* _EXERCISE DIRECTIONS_
Find the line containing "#11=IFCBUILDING('0000000000000000000002',$,'Caravel Reach Hotel" in the entries below. Restate it and each line after it, word for word, up to and including the line containing "#16=IFCSITE('0000000000000000000004',$,'Caravel Reach Riverfront".

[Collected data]
[Start of section]
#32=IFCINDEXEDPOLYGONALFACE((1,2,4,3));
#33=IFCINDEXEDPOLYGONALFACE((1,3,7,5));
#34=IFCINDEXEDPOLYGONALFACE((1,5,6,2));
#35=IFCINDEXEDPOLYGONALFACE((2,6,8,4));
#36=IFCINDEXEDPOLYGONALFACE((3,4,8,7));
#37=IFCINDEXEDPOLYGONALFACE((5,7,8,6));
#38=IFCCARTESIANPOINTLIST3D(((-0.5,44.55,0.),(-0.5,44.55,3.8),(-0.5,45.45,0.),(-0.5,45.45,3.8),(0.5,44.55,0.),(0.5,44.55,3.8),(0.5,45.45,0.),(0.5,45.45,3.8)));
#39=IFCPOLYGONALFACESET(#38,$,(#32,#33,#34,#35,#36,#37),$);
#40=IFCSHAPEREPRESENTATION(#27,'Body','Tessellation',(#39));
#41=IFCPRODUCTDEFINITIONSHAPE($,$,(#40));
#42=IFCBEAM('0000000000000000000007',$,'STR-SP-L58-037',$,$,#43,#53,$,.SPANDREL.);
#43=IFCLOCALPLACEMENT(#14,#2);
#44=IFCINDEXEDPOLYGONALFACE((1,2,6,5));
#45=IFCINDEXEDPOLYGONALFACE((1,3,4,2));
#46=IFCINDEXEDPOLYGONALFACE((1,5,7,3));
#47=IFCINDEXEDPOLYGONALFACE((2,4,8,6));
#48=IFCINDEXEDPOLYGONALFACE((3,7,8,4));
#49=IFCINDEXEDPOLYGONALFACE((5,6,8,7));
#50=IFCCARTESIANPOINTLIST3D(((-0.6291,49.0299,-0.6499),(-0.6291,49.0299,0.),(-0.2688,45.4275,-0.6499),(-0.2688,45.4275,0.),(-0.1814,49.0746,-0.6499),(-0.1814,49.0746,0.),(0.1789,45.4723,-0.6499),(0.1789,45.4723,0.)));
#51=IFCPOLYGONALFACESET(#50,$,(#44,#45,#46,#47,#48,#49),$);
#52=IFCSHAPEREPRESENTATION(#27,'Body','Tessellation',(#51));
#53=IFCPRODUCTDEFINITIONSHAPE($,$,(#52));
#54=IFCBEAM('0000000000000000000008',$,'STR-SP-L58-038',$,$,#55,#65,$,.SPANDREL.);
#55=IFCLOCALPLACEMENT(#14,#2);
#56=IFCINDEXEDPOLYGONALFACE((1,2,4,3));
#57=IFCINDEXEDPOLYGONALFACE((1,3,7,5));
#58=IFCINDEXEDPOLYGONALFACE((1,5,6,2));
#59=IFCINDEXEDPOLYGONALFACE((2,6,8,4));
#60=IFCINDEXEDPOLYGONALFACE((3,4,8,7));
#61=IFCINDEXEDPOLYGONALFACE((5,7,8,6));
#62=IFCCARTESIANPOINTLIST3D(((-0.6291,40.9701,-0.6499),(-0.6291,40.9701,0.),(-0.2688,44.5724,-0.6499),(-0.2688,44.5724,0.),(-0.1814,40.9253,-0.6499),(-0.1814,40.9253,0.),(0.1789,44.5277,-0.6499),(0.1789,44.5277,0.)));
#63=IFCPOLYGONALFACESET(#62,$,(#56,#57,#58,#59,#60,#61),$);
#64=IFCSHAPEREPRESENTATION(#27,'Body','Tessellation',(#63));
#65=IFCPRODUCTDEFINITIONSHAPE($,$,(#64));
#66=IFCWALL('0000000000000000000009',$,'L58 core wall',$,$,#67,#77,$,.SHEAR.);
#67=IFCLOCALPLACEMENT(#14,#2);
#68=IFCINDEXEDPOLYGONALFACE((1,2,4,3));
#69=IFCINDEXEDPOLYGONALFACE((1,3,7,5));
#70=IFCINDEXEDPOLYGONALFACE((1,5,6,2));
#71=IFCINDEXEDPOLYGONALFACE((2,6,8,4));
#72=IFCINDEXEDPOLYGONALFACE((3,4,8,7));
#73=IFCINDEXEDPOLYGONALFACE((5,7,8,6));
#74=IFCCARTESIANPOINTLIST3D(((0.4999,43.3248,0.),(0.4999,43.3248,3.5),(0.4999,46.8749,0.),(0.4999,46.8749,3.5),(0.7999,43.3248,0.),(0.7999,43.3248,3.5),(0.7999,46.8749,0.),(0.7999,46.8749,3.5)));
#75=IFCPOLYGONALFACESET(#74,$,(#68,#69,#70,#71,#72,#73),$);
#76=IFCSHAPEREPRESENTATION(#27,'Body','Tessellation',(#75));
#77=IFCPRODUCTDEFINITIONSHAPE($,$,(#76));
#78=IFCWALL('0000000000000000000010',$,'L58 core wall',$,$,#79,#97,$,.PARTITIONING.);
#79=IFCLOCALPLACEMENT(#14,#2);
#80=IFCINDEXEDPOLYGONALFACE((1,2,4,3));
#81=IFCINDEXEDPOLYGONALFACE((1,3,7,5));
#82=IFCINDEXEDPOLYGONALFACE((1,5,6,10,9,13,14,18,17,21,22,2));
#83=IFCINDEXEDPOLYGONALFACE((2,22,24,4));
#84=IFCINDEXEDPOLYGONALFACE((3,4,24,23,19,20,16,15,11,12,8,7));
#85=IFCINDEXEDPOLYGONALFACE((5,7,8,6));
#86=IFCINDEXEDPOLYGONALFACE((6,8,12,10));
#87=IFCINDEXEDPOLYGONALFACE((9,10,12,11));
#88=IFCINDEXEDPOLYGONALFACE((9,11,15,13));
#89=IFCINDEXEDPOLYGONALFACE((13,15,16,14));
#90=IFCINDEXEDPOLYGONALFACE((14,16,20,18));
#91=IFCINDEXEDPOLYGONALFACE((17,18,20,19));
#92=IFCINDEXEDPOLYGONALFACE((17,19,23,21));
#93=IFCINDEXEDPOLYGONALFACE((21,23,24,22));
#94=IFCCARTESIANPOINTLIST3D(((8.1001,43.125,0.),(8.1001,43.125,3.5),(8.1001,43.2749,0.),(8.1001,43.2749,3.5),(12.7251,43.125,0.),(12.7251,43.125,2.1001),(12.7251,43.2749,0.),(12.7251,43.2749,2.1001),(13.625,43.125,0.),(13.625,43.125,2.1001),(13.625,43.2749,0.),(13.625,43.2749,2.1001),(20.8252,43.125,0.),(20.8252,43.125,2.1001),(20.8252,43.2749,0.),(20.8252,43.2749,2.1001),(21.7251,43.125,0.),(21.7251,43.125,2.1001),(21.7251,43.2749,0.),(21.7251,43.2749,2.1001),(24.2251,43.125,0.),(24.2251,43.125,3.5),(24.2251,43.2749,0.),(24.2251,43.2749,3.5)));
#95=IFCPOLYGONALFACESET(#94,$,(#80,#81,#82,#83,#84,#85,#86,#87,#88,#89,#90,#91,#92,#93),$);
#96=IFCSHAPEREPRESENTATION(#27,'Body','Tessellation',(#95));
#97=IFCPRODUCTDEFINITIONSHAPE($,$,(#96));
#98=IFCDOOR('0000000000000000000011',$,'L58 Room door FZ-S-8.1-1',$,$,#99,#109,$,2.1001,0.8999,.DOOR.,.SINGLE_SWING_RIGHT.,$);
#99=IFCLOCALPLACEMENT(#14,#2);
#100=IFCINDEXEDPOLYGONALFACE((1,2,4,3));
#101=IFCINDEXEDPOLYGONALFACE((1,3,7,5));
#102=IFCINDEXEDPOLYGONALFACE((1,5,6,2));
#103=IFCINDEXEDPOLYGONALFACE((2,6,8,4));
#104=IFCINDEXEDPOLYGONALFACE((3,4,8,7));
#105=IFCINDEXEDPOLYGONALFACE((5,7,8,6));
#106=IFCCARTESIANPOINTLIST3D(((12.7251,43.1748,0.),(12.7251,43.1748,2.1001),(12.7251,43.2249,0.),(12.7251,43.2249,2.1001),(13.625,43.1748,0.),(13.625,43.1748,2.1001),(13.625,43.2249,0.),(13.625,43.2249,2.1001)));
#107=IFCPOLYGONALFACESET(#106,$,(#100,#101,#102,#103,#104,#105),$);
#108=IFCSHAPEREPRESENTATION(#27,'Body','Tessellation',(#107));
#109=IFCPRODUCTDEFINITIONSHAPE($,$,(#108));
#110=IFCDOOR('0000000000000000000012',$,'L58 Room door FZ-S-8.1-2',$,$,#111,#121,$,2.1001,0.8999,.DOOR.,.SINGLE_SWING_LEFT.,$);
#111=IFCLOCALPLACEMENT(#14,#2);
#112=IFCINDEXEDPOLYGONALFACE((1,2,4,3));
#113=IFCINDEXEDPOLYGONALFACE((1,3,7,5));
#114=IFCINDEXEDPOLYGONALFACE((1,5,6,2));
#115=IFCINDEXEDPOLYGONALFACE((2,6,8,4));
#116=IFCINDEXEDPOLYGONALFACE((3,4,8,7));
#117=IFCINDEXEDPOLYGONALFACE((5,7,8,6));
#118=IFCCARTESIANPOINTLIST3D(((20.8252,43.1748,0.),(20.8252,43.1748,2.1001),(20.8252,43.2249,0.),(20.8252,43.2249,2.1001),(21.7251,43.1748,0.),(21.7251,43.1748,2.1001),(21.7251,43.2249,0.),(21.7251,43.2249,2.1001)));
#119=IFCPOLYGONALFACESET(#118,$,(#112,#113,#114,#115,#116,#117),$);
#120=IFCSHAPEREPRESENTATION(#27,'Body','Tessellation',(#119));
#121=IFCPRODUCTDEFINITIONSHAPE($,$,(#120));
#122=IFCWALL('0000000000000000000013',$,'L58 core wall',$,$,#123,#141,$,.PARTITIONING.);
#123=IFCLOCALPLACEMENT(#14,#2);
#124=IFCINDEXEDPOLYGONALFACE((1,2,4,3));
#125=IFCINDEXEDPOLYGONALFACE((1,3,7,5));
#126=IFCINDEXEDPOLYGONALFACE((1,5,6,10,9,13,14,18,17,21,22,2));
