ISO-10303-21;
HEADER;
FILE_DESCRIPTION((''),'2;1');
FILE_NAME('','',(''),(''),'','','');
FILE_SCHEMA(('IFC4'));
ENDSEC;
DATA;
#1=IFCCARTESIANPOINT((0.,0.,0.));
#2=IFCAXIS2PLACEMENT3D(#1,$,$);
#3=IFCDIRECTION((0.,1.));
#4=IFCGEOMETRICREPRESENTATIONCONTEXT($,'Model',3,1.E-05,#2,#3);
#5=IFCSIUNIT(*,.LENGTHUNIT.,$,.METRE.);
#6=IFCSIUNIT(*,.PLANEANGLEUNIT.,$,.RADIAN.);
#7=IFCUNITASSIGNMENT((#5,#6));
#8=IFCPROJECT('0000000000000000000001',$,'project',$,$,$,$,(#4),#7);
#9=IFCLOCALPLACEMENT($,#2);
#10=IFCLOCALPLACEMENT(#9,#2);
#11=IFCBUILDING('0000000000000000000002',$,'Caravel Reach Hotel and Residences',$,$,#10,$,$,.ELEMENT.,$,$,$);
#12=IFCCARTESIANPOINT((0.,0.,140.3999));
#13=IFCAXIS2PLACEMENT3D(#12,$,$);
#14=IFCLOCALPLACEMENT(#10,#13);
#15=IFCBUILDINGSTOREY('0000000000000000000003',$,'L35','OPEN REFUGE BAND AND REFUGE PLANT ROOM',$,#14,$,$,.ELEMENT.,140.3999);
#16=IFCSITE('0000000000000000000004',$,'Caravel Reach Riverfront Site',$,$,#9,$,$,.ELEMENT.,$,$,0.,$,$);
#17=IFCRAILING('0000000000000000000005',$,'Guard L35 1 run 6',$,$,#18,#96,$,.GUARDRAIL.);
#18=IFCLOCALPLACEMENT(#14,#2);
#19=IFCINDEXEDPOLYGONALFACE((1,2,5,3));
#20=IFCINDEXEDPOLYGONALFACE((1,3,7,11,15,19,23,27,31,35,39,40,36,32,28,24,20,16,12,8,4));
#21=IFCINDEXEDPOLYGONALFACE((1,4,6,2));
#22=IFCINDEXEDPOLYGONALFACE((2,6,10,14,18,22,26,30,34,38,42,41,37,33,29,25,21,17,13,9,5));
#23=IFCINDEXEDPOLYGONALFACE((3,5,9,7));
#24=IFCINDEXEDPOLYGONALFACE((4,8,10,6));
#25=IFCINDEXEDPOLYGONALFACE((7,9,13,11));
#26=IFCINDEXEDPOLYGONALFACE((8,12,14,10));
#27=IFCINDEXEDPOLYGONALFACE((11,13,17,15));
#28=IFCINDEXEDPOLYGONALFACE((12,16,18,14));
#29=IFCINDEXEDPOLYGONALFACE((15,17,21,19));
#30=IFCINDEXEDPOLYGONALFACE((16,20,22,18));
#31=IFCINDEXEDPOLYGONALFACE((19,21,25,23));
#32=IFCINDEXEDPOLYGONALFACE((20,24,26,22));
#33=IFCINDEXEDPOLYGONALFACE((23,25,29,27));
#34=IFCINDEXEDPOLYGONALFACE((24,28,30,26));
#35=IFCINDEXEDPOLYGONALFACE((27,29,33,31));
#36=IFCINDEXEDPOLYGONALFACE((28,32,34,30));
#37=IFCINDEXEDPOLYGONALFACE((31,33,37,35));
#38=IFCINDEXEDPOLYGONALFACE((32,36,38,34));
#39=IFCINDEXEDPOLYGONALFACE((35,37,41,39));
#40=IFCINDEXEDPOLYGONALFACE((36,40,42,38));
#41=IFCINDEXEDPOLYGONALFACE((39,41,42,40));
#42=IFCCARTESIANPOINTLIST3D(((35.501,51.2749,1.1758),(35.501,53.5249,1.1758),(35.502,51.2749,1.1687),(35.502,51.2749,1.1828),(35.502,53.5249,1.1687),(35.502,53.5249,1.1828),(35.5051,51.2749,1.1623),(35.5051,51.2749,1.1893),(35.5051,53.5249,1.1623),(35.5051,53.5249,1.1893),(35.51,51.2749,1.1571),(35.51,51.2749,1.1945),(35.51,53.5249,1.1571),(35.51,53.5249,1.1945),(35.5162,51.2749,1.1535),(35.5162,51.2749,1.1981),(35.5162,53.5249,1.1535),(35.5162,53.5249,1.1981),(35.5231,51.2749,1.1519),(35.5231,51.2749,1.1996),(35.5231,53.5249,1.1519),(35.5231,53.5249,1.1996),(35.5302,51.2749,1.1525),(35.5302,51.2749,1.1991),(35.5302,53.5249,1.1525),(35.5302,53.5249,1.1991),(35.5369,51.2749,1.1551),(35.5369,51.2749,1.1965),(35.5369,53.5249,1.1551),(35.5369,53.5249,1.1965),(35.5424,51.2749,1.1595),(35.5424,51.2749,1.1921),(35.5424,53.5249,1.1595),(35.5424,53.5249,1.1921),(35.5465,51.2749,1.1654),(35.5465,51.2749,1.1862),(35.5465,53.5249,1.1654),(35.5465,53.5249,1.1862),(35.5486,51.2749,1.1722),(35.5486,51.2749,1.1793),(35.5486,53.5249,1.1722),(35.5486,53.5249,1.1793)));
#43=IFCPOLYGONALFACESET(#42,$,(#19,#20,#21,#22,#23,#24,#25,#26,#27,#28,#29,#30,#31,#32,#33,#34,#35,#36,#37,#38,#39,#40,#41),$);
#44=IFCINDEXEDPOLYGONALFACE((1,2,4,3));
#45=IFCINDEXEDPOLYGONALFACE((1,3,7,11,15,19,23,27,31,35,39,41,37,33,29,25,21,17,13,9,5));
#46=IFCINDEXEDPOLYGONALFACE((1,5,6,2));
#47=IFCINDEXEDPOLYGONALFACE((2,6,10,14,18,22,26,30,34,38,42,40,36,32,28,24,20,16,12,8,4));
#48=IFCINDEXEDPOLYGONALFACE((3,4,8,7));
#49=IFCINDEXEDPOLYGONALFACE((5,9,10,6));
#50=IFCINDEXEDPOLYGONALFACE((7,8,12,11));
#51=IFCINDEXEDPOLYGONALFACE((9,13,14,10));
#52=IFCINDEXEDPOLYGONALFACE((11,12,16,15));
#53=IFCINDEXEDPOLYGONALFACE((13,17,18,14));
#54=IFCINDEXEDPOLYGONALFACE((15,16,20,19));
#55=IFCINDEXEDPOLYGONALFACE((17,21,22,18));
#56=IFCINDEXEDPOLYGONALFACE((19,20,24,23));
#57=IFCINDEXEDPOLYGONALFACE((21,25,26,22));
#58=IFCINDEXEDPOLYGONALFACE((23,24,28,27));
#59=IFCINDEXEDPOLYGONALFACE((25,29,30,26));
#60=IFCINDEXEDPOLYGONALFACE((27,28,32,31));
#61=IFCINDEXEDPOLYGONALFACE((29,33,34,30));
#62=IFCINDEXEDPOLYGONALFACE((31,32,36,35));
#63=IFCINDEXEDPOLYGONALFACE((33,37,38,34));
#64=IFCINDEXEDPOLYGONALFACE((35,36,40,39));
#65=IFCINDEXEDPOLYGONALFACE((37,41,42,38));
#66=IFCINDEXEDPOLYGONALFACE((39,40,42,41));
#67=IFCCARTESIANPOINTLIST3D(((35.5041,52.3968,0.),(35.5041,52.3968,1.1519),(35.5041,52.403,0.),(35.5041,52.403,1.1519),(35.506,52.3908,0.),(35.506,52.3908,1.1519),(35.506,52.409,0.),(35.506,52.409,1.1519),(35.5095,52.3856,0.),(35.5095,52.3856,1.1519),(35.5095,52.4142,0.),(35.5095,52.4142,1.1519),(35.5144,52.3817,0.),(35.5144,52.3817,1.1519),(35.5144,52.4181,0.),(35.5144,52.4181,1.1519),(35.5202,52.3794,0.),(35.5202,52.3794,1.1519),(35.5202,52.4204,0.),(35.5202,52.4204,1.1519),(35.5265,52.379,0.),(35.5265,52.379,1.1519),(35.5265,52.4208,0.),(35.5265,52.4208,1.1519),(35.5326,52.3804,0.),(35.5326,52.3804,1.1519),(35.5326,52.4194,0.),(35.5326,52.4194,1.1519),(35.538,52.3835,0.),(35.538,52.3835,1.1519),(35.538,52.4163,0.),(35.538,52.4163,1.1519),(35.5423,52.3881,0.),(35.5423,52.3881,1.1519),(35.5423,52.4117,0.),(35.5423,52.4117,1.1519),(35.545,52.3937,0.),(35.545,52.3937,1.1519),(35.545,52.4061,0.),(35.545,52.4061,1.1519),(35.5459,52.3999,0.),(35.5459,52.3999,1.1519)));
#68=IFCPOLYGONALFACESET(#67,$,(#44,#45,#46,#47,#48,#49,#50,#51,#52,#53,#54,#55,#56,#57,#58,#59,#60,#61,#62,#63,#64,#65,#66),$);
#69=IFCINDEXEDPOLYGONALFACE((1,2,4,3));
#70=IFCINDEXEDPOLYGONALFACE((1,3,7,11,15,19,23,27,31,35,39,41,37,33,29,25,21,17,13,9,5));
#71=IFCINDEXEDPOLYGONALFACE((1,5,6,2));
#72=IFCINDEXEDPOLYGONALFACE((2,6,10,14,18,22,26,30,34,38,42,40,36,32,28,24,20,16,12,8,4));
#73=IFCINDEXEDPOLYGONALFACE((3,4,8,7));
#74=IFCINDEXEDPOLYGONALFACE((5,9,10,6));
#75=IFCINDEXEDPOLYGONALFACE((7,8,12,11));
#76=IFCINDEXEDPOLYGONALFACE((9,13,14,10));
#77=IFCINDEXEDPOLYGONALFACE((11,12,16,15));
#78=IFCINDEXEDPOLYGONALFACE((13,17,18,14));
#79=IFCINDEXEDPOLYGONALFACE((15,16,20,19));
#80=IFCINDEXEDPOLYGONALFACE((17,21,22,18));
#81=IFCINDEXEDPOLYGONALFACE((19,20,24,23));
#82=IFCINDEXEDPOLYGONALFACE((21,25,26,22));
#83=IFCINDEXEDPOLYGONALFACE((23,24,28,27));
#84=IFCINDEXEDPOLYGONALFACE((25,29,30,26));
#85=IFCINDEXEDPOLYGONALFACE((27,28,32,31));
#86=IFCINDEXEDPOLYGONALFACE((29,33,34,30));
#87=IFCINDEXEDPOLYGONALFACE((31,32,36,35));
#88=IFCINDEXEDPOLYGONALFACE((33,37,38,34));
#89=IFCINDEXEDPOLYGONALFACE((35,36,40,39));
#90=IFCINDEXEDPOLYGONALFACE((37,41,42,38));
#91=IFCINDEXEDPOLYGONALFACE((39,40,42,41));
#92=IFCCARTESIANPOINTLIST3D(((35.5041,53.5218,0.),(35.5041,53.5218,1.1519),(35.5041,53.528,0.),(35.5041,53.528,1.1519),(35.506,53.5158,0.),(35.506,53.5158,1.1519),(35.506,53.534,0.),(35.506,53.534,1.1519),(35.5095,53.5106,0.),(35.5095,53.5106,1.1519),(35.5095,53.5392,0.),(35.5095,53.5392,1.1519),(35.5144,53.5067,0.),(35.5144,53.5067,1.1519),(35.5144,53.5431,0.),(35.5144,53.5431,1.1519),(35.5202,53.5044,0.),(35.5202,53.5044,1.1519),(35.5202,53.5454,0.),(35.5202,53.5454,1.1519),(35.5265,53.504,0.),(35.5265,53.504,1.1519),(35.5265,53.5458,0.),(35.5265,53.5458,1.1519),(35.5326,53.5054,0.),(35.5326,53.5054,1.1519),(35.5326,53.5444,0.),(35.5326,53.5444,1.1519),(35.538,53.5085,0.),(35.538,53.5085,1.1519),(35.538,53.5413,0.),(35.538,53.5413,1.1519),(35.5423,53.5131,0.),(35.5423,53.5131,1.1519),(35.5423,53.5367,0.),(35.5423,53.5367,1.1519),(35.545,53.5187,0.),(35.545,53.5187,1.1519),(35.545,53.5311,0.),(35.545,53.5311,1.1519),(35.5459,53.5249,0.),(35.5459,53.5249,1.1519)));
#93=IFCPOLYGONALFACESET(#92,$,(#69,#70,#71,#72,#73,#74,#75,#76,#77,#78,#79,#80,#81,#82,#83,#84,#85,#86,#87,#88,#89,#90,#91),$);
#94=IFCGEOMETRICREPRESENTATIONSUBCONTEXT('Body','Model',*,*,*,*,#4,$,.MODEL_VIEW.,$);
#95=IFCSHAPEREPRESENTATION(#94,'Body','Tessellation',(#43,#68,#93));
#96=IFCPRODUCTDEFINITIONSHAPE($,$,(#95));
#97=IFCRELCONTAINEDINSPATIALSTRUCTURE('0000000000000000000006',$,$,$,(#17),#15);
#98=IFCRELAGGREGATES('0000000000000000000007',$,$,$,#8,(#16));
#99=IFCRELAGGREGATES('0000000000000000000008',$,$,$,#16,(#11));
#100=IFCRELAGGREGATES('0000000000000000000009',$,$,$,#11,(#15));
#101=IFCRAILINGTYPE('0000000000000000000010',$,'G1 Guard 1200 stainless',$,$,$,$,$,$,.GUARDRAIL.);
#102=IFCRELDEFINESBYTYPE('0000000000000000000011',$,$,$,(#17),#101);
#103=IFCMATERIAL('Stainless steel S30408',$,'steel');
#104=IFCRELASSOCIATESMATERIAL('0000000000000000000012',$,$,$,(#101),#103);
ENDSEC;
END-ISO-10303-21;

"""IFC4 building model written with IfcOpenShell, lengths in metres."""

from ifc_helpers import new_model, si_unit, direction, frame, origin, origin_2d, place, context, subcontext, project, spatial, circle, extrude, material, type_object, element, save


model = new_model("IFC4")

# Units and contexts
model_context = context("Model", 3, precision=1e-05, world=origin(), true_north=direction((0.0, 1.0)))
body_context = subcontext(model_context, "Body", "Model", "MODEL_VIEW")
ifc_project = project(units=[si_unit("LENGTHUNIT", "METRE"), si_unit("PLANEANGLEUNIT", "RADIAN")], contexts=[model_context])

# Site, building, storey
site_placement = place(None, origin())
site = spatial("IfcSite", under=ifc_project, at=site_placement, Name="Caravel Reach Riverfront Site", CompositionType="ELEMENT", RefElevation=0.0)
building_placement = place(site_placement, origin())
building = spatial("IfcBuilding", under=site, at=building_placement, Name="Caravel Reach Hotel and Residences", CompositionType="ELEMENT")
storey_placement = place(building_placement, frame((0.0, 0.0, 140.3999)))
storey = spatial("IfcBuildingStorey", under=building, at=storey_placement, Name="L35", Description="OPEN REFUGE BAND AND REFUGE PLANT ROOM", CompositionType="ELEMENT", Elevation=140.3999)

# Railing
ifc_material_1 = material(Name="Stainless steel S30408", Category="steel")
railing_type = type_object("IfcRailingType", Name="G1 Guard 1200 stainless", PredefinedType="GUARDRAIL", material=ifc_material_1)
railing_1_placement = place(storey_placement, frame((35.5249, 51.2749, 0.0)))
element("IfcRailing", 1, at=railing_1_placement, inside=storey, type_object=railing_type, Name="Guard L35 1 run 6", PredefinedType="GUARDRAIL", context=body_context, shape_type="SweptSolid", body=[
    extrude(circle(Radius=0.0239, at=origin_2d()), frame((0.0, 0.0, 1.1758), z_axis=(0.0, 1.0, 0.0), x_axis=(-1.0, 0.0, 0.0)), (0.0, 0.0, 1.0), 2.25),
    extrude(circle(Radius=0.021, at=origin_2d()), frame((0.0, 1.125, 0.0)), (0.0, 0.0, 1.0), 1.1519),
    extrude(circle(Radius=0.021, at=origin_2d()), frame((0.0, 2.25, 0.0)), (0.0, 0.0, 1.0), 1.1519),
])

save(model, "model.ifc")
[End of section]
* _OUTPUT OF THE EXERCISE_
#11=IFCBUILDING('0000000000000000000002',$,'Caravel Reach Hotel and Residences',$,$,#10,$,$,.ELEMENT.,$,$,$);
#12=IFCCARTESIANPOINT((0.,0.,140.3999));
#13=IFCAXIS2PLACEMENT3D(#12,$,$);
#14=IFCLOCALPLACEMENT(#10,#13);
#15=IFCBUILDINGSTOREY('0000000000000000000003',$,'L35','OPEN REFUGE BAND AND REFUGE PLANT ROOM',$,#14,$,$,.ELEMENT.,140.3999);
#16=IFCSITE('0000000000000000000004',$,'Caravel Reach Riverfront Site',$,$,#9,$,$,.ELEMENT.,$,$,0.,$,$);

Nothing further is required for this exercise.